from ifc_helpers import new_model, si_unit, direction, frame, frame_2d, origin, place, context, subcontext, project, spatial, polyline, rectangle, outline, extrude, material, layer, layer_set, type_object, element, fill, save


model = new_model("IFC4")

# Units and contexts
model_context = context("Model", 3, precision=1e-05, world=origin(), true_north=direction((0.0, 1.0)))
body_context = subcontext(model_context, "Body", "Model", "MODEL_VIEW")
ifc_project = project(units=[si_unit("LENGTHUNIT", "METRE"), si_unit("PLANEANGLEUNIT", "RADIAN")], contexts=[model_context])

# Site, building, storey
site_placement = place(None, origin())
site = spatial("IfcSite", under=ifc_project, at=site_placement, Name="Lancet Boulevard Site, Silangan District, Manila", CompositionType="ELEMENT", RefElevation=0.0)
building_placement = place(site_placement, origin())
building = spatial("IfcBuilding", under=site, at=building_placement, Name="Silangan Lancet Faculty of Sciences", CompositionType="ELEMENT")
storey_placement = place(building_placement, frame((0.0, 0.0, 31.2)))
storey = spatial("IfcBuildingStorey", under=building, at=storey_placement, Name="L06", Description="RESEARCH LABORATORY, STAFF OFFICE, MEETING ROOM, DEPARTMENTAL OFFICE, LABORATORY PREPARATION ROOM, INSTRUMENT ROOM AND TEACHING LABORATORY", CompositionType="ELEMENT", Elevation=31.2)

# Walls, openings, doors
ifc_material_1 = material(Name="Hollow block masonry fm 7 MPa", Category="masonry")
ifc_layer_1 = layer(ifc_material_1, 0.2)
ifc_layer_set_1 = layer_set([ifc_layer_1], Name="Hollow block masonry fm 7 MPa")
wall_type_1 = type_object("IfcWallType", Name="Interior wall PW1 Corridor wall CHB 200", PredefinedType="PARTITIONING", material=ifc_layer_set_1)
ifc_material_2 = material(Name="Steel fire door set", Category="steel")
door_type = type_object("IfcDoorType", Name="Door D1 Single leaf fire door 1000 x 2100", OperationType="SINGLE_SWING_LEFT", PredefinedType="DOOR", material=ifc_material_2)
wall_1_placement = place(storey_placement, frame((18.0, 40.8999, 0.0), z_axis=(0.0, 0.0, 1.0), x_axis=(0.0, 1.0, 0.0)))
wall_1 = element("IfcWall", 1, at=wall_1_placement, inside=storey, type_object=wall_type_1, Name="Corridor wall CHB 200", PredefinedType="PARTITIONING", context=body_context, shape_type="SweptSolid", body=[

·····

Activity.
Word for word, quote the lines of the material from the first line through the line with "# Walls, openings, doors", both ends included.

Result for this task.
from ifc_helpers import new_model, si_unit, direction, frame, frame_2d, origin, place, context, subcontext, project, spatial, polyline, rectangle, outline, extrude, material, layer, layer_set, type_object, element, fill, save


model = new_model("IFC4")

# Units and contexts
model_context = context("Model", 3, precision=1e-05, world=origin(), true_north=direction((0.0, 1.0)))
body_context = subcontext(model_context, "Body", "Model", "MODEL_VIEW")
ifc_project = project(units=[si_unit("LENGTHUNIT", "METRE"), si_unit("PLANEANGLEUNIT", "RADIAN")], contexts=[model_context])

# Site, building, storey
site_placement = place(None, origin())
site = spatial("IfcSite", under=ifc_project, at=site_placement, Name="Lancet Boulevard Site, Silangan District, Manila", CompositionType="ELEMENT", RefElevation=0.0)
building_placement = place(site_placement, origin())
building = spatial("IfcBuilding", under=site, at=building_placement, Name="Silangan Lancet Faculty of Sciences", CompositionType="ELEMENT")
storey_placement = place(building_placement, frame((0.0, 0.0, 31.2)))
storey = spatial("IfcBuildingStorey", under=building, at=storey_placement, Name="L06", Description="RESEARCH LABORATORY, STAFF OFFICE, MEETING ROOM, DEPARTMENTAL OFFICE, LABORATORY PREPARATION ROOM, INSTRUMENT ROOM AND TEACHING LABORATORY", CompositionType="ELEMENT", Elevation=31.2)

# Walls, openings, doors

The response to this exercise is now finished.